• **How to complete this task**
Set down exactly the lines below between the line holding "frame((0.0, 0.0, 4.8)))" and the line holding "rectangle(XDim=0.1001, YDim=0.0801, at=origin_2d()))", inclusive; no other line belongs in the answer.

[Start of section]

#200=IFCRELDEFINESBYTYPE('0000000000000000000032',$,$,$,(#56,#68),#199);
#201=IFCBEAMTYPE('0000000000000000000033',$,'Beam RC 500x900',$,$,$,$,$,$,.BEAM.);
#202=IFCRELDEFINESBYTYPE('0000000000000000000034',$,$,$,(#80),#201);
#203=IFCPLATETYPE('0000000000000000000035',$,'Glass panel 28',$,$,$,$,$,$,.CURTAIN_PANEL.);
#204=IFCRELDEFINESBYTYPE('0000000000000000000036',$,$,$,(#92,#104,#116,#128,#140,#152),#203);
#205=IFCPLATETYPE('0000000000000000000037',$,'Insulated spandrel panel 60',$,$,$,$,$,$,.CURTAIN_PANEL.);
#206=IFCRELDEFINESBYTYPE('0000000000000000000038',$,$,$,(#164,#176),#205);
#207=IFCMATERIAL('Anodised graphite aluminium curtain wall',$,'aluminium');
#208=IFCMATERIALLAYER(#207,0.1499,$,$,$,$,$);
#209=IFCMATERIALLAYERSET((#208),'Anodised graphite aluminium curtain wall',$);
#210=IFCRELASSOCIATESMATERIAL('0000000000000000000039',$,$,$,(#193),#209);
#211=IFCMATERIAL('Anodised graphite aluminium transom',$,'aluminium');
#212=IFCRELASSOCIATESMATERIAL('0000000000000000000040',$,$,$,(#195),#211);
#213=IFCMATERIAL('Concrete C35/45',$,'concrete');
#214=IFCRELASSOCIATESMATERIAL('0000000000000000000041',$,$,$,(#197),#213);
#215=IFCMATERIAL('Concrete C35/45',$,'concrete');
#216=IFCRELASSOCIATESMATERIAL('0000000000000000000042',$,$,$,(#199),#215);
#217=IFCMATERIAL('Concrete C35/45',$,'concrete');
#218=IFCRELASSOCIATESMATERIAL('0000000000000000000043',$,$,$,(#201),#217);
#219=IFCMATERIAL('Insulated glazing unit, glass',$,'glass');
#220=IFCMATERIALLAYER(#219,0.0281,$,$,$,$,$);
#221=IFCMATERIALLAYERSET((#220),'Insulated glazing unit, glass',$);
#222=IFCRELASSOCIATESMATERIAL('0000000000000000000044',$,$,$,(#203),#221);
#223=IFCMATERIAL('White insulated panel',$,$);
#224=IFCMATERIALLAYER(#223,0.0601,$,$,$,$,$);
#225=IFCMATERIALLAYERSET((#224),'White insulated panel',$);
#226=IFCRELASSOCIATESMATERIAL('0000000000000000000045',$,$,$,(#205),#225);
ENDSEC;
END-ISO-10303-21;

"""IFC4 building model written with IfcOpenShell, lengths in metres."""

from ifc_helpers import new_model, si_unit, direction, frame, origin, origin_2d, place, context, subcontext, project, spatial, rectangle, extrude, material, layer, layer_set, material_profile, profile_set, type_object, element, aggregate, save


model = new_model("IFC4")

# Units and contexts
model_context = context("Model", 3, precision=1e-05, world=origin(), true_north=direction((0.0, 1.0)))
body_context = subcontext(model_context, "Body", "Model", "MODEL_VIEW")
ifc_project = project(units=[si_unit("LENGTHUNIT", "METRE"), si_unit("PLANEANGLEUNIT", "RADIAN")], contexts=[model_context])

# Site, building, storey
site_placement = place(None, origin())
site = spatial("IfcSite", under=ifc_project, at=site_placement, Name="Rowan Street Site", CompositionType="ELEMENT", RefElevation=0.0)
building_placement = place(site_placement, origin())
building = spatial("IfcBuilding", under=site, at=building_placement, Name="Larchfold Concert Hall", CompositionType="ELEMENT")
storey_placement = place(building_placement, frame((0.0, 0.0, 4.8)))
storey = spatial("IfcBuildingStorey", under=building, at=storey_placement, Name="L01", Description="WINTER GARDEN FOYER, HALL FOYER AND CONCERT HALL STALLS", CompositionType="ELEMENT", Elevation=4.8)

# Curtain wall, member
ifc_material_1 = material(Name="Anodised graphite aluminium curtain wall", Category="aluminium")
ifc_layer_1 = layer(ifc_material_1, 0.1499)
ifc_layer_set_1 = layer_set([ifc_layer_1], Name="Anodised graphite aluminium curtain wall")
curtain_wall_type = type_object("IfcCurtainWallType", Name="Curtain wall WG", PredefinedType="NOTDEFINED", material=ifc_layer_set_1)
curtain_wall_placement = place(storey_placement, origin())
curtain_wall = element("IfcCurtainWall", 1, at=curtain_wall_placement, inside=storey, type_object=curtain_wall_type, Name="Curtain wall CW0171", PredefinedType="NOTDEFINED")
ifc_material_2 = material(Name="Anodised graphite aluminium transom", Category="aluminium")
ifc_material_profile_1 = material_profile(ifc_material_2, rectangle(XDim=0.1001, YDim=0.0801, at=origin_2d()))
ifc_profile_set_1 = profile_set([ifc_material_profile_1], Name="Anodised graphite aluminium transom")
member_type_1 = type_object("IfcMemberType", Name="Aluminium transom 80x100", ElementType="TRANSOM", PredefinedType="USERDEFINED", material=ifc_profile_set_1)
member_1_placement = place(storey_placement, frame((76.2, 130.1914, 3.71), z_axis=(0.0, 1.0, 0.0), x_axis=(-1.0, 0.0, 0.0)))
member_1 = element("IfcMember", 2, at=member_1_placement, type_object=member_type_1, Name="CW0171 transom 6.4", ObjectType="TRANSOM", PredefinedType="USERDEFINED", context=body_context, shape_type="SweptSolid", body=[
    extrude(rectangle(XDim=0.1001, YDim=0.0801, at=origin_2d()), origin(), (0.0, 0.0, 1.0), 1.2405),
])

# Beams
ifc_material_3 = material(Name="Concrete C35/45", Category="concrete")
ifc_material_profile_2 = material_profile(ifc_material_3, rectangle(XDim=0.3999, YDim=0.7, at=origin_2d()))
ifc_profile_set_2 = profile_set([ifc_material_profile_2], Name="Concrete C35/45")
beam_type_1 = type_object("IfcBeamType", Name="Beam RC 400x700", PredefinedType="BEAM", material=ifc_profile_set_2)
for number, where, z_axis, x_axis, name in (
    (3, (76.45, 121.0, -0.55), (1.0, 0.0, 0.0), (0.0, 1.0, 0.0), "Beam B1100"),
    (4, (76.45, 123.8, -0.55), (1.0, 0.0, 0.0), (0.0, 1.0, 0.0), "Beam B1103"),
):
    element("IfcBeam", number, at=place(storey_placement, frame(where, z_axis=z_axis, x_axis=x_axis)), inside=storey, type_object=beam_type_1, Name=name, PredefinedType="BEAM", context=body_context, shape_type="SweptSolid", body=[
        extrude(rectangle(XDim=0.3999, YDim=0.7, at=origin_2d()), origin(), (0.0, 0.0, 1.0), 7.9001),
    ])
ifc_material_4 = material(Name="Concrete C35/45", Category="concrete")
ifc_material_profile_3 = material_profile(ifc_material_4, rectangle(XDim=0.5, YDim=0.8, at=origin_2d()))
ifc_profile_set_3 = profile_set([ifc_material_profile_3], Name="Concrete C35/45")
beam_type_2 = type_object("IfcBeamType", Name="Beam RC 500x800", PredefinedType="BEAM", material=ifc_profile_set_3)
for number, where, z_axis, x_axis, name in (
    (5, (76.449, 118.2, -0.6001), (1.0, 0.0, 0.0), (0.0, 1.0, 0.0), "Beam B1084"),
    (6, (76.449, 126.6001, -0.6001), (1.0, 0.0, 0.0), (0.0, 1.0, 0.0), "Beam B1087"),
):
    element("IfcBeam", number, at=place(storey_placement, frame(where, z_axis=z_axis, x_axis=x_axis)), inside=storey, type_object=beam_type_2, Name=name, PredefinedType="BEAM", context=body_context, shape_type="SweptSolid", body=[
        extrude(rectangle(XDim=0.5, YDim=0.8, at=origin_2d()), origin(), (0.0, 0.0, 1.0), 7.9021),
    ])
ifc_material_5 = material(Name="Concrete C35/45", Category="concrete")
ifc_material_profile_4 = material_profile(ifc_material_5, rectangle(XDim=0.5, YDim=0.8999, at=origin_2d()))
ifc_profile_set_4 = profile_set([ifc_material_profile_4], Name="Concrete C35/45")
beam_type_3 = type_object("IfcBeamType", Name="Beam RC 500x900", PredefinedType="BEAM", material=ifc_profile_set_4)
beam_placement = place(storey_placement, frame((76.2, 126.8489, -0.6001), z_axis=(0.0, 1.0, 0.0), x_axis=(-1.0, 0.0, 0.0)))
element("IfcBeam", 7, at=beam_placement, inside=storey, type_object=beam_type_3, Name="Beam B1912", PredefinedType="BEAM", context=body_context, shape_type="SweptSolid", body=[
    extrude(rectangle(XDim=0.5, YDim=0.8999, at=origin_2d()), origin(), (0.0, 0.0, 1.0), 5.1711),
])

[End of section]

• **Response**
storey_placement = place(building_placement, frame((0.0, 0.0, 4.8)))
storey = spatial("IfcBuildingStorey", under=building, at=storey_placement, Name="L01", Description="WINTER GARDEN FOYER, HALL FOYER AND CONCERT HALL STALLS", CompositionType="ELEMENT", Elevation=4.8)

# Curtain wall, member
ifc_material_1 = material(Name="Anodised graphite aluminium curtain wall", Category="aluminium")
ifc_layer_1 = layer(ifc_material_1, 0.1499)
ifc_layer_set_1 = layer_set([ifc_layer_1], Name="Anodised graphite aluminium curtain wall")
curtain_wall_type = type_object("IfcCurtainWallType", Name="Curtain wall WG", PredefinedType="NOTDEFINED", material=ifc_layer_set_1)
curtain_wall_placement = place(storey_placement, origin())
curtain_wall = element("IfcCurtainWall", 1, at=curtain_wall_placement, inside=storey, type_object=curtain_wall_type, Name="Curtain wall CW0171", PredefinedType="NOTDEFINED")
ifc_material_2 = material(Name="Anodised graphite aluminium transom", Category="aluminium")
ifc_material_profile_1 = material_profile(ifc_material_2, rectangle(XDim=0.1001, YDim=0.0801, at=origin_2d()))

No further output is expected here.